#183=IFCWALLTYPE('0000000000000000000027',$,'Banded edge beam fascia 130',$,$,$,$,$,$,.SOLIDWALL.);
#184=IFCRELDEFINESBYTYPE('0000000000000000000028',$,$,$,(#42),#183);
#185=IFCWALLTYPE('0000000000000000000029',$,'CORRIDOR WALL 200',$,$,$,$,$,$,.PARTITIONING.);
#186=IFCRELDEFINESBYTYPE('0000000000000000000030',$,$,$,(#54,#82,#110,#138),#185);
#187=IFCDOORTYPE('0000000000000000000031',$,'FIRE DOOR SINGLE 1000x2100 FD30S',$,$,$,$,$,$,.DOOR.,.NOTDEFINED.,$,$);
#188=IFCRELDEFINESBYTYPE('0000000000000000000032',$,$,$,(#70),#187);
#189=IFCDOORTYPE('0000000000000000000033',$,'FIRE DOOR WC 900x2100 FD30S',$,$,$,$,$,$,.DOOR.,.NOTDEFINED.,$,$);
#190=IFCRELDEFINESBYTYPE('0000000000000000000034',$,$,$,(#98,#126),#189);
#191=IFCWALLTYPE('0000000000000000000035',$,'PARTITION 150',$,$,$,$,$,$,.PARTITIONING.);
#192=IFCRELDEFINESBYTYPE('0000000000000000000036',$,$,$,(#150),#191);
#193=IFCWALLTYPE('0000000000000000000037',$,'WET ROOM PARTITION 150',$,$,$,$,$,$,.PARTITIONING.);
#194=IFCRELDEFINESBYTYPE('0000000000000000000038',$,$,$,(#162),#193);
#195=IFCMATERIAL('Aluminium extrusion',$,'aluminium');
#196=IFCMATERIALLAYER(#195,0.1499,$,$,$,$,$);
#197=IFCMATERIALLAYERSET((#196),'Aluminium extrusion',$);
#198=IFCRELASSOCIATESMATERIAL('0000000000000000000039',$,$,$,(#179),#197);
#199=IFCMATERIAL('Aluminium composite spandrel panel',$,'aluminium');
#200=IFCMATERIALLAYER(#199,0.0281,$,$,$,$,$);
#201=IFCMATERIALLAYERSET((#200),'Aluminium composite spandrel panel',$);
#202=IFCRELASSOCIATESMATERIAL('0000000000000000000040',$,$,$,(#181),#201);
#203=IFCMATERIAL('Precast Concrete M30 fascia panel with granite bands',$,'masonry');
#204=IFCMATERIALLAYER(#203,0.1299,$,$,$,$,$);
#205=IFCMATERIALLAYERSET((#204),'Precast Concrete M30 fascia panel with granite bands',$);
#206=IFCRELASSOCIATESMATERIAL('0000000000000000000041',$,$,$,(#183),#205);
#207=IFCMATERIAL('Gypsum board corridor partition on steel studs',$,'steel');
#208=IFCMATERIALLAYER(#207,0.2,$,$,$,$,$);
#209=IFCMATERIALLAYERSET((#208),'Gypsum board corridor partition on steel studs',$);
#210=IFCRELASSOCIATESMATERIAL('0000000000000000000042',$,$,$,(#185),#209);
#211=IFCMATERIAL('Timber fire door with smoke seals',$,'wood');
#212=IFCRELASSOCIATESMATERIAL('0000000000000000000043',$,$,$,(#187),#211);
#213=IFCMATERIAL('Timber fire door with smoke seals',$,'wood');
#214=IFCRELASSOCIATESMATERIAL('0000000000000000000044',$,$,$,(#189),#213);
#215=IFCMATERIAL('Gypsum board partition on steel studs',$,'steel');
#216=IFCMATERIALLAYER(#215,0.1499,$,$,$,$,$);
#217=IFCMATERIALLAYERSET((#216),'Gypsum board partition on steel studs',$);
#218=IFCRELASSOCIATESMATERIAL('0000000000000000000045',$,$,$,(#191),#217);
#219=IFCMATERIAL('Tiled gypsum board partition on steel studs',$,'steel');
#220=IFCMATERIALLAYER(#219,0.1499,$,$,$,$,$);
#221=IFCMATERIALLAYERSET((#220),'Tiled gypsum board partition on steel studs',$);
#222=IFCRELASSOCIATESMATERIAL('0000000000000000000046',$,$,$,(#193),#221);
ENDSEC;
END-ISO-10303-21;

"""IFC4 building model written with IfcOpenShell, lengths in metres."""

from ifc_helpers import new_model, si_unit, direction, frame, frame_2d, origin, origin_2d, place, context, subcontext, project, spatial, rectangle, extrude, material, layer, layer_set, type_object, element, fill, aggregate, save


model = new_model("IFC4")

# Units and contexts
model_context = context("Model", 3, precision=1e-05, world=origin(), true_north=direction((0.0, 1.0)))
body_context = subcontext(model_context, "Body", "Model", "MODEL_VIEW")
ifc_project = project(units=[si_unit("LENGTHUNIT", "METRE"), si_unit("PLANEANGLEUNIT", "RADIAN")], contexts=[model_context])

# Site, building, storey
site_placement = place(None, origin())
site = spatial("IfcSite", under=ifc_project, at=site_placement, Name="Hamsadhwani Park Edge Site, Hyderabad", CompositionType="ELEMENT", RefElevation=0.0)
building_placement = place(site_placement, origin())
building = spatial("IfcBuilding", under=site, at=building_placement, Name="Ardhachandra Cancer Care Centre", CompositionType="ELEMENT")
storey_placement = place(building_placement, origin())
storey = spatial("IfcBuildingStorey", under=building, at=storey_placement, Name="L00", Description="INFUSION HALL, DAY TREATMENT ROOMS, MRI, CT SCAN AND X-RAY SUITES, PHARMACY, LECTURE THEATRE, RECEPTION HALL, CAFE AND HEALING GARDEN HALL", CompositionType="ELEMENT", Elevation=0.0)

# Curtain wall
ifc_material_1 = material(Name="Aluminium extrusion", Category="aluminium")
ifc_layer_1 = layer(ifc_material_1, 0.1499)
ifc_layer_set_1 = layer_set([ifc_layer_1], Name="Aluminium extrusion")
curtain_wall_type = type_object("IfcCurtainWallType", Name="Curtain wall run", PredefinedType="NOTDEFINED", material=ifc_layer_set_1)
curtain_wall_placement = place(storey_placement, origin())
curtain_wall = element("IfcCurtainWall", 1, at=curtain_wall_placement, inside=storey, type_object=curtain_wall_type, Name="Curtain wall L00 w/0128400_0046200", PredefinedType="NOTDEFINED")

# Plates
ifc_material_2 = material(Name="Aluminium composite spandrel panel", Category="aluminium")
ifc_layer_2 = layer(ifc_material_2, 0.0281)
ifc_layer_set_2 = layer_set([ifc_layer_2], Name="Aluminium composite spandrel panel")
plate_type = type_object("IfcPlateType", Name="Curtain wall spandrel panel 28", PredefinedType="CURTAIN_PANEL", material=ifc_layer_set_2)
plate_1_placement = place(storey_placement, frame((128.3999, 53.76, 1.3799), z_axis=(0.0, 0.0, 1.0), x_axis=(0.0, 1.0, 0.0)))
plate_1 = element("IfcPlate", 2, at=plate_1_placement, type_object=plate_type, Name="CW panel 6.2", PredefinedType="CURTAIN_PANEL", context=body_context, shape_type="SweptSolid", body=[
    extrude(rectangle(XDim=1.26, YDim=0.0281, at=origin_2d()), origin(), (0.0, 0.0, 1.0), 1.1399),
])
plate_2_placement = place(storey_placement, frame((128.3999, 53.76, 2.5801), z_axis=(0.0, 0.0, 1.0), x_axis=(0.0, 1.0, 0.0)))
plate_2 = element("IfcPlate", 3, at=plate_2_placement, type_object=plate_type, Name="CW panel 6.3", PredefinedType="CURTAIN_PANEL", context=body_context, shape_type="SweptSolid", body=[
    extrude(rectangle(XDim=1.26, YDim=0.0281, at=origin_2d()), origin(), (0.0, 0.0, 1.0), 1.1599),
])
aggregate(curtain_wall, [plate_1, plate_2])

+++

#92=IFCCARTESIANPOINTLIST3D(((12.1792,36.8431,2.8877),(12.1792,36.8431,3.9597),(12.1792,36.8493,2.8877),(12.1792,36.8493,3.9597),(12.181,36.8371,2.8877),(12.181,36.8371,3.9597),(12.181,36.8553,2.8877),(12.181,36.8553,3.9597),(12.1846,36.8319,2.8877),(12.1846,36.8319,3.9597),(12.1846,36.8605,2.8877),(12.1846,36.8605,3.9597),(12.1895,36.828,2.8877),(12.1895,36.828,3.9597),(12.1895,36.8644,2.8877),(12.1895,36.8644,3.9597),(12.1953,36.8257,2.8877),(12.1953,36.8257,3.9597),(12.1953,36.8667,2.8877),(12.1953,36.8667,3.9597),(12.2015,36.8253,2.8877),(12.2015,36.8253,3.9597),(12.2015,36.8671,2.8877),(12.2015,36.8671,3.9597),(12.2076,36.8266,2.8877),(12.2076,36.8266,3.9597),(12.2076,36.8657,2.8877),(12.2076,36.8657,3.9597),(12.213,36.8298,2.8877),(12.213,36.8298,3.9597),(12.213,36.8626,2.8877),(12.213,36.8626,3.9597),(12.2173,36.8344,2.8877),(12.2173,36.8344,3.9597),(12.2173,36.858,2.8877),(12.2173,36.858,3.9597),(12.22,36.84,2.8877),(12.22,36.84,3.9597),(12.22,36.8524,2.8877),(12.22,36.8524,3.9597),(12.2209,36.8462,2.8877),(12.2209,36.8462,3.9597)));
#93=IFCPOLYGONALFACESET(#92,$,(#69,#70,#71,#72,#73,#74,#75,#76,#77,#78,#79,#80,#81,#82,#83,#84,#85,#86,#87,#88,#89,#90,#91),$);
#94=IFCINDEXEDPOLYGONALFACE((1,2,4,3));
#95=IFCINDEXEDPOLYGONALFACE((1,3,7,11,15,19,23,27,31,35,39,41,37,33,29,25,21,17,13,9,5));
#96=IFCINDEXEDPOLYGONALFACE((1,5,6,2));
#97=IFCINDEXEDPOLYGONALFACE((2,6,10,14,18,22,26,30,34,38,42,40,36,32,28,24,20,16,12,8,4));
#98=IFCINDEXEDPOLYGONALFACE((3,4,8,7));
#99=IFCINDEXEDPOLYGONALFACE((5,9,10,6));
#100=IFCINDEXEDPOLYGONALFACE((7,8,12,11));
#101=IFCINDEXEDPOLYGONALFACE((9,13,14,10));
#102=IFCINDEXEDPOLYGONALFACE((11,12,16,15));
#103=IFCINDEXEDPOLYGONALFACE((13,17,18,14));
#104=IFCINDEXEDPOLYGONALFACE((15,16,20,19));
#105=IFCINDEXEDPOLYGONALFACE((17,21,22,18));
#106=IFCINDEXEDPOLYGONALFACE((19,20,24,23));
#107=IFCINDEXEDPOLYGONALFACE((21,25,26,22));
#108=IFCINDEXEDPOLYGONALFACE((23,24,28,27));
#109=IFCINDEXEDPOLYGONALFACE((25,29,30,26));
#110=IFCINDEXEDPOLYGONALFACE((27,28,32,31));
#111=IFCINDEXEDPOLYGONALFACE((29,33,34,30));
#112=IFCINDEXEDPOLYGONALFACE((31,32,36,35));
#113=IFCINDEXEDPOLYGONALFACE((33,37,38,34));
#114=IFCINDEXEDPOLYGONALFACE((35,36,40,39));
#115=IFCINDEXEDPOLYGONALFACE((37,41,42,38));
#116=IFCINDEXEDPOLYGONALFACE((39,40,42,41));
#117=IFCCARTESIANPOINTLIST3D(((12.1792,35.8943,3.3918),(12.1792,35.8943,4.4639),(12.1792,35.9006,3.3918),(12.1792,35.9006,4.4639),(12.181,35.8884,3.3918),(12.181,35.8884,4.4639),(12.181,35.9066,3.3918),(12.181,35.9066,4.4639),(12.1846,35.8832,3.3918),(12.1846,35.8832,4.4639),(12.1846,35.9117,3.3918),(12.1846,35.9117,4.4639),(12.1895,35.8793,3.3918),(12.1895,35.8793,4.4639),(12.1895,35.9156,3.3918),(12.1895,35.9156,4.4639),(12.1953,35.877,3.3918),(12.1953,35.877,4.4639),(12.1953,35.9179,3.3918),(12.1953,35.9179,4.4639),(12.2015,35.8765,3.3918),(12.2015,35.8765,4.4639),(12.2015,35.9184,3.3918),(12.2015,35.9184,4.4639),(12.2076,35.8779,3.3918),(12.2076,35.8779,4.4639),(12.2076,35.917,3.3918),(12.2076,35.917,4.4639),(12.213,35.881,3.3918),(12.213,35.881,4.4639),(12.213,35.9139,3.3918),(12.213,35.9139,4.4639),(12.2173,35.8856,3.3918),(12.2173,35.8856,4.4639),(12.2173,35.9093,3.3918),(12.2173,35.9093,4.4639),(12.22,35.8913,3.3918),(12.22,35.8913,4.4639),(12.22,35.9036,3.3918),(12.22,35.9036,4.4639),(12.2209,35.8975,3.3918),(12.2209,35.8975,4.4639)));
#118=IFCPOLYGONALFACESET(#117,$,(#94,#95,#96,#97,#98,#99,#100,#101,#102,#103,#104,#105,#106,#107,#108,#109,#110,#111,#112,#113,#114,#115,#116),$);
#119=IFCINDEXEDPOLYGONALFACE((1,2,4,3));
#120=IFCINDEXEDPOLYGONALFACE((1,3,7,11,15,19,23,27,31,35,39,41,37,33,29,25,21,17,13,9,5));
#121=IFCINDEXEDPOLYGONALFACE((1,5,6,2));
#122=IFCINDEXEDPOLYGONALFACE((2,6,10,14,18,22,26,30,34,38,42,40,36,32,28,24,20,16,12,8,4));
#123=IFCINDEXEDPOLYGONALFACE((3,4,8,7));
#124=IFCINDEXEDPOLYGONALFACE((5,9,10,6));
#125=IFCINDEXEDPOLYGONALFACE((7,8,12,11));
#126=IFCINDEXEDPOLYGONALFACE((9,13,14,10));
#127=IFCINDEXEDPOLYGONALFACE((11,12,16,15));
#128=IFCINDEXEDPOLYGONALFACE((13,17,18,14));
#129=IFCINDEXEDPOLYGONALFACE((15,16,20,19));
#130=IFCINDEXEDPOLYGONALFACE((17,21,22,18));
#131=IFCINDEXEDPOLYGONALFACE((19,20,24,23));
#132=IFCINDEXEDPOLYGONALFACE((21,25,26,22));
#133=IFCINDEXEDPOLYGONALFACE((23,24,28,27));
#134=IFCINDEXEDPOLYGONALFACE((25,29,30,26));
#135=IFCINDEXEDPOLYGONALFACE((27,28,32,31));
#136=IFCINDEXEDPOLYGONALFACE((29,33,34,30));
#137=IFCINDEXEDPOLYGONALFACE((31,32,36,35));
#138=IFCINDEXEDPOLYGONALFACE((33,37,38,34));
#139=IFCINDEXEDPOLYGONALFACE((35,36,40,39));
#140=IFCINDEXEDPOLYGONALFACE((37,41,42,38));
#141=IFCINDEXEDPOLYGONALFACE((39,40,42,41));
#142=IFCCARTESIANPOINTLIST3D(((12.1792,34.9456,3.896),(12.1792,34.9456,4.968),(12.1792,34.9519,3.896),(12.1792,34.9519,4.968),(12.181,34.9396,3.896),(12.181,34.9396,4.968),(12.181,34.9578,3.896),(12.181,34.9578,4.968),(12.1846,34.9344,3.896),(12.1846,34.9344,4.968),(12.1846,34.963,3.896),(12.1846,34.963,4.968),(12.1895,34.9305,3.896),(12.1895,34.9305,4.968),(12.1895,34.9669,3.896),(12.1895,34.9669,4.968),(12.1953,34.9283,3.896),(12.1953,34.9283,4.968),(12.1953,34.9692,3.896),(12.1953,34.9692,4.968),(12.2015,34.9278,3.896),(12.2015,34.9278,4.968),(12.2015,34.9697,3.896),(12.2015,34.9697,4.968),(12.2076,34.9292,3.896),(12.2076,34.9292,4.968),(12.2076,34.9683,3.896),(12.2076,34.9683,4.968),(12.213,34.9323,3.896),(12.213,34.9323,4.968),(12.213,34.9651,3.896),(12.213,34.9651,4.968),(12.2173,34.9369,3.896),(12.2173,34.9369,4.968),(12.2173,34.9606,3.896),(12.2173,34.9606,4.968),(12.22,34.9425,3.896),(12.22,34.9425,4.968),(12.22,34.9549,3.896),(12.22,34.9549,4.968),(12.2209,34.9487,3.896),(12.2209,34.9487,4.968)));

+++

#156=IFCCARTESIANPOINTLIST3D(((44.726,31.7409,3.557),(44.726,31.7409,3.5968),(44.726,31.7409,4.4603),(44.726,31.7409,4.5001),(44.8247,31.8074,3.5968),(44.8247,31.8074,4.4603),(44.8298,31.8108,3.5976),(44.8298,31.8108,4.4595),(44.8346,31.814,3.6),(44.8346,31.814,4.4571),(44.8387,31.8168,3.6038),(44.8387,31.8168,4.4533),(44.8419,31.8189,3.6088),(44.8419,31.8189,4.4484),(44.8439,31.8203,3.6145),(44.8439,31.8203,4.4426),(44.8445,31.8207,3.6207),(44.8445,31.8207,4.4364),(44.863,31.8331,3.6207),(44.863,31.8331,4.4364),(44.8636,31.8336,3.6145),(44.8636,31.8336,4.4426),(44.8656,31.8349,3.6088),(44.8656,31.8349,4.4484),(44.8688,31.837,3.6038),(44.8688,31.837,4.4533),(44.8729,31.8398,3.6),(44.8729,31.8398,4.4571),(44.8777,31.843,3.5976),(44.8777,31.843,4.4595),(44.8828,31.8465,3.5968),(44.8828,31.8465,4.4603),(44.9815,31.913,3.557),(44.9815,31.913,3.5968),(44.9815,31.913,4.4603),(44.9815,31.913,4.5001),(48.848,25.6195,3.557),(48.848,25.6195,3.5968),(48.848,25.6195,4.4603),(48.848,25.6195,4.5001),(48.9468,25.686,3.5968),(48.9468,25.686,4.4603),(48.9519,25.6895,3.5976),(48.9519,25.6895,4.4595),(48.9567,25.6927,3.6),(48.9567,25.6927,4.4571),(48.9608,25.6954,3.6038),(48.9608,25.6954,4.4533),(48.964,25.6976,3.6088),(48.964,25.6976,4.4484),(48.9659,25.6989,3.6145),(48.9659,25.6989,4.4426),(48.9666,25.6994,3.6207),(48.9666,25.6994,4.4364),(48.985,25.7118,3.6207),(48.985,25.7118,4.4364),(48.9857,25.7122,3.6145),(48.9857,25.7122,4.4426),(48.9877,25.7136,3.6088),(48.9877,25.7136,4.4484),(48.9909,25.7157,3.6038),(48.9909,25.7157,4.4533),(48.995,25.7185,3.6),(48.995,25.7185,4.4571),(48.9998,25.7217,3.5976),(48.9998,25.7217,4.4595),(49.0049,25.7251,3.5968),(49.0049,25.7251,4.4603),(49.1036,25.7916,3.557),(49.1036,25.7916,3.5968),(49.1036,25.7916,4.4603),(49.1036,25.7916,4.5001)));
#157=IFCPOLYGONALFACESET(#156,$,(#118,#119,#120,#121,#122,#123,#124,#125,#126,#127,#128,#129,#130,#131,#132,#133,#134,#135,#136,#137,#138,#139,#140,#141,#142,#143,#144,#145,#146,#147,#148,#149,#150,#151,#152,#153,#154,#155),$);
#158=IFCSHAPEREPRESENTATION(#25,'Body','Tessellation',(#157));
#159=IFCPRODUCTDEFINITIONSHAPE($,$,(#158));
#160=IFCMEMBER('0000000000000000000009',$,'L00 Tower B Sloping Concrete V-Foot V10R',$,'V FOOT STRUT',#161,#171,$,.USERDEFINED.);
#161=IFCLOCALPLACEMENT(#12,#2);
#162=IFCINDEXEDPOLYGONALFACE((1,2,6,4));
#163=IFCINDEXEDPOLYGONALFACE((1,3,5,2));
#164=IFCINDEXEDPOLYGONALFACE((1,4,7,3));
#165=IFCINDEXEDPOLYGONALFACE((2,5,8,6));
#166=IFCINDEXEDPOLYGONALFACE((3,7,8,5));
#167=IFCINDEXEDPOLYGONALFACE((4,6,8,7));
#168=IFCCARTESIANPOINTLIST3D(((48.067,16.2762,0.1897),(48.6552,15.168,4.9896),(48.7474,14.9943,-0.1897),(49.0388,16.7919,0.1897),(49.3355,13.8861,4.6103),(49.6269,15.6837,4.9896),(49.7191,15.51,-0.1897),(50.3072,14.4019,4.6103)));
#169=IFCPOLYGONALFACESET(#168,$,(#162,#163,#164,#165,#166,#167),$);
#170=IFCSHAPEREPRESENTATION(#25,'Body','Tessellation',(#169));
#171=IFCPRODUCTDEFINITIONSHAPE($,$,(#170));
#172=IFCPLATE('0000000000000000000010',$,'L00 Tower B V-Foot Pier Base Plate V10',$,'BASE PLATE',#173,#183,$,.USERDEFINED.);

+++

[ASSIGNMENT] The lines above starting at the one that contains "#94=IFCINDEXEDPOLYGONALFACE((1,2,4,3));" and ending at the one that contains "#116=IFCINDEXEDPOLYGONALFACE((39,40,42,41));" must be transcribed exactly, and no other lines may appear.

[RESPONSE TO THIS EXERCISE]
#94=IFCINDEXEDPOLYGONALFACE((1,2,4,3));
#95=IFCINDEXEDPOLYGONALFACE((1,3,7,11,15,19,23,27,31,35,39,41,37,33,29,25,21,17,13,9,5));
#96=IFCINDEXEDPOLYGONALFACE((1,5,6,2));
#97=IFCINDEXEDPOLYGONALFACE((2,6,10,14,18,22,26,30,34,38,42,40,36,32,28,24,20,16,12,8,4));
#98=IFCINDEXEDPOLYGONALFACE((3,4,8,7));
#99=IFCINDEXEDPOLYGONALFACE((5,9,10,6));
#100=IFCINDEXEDPOLYGONALFACE((7,8,12,11));
#101=IFCINDEXEDPOLYGONALFACE((9,13,14,10));
#102=IFCINDEXEDPOLYGONALFACE((11,12,16,15));
#103=IFCINDEXEDPOLYGONALFACE((13,17,18,14));
#104=IFCINDEXEDPOLYGONALFACE((15,16,20,19));
#105=IFCINDEXEDPOLYGONALFACE((17,21,22,18));
#106=IFCINDEXEDPOLYGONALFACE((19,20,24,23));
#107=IFCINDEXEDPOLYGONALFACE((21,25,26,22));
#108=IFCINDEXEDPOLYGONALFACE((23,24,28,27));
#109=IFCINDEXEDPOLYGONALFACE((25,29,30,26));
#110=IFCINDEXEDPOLYGONALFACE((27,28,32,31));
#111=IFCINDEXEDPOLYGONALFACE((29,33,34,30));
#112=IFCINDEXEDPOLYGONALFACE((31,32,36,35));
#113=IFCINDEXEDPOLYGONALFACE((33,37,38,34));
#114=IFCINDEXEDPOLYGONALFACE((35,36,40,39));
#115=IFCINDEXEDPOLYGONALFACE((37,41,42,38));
#116=IFCINDEXEDPOLYGONALFACE((39,40,42,41));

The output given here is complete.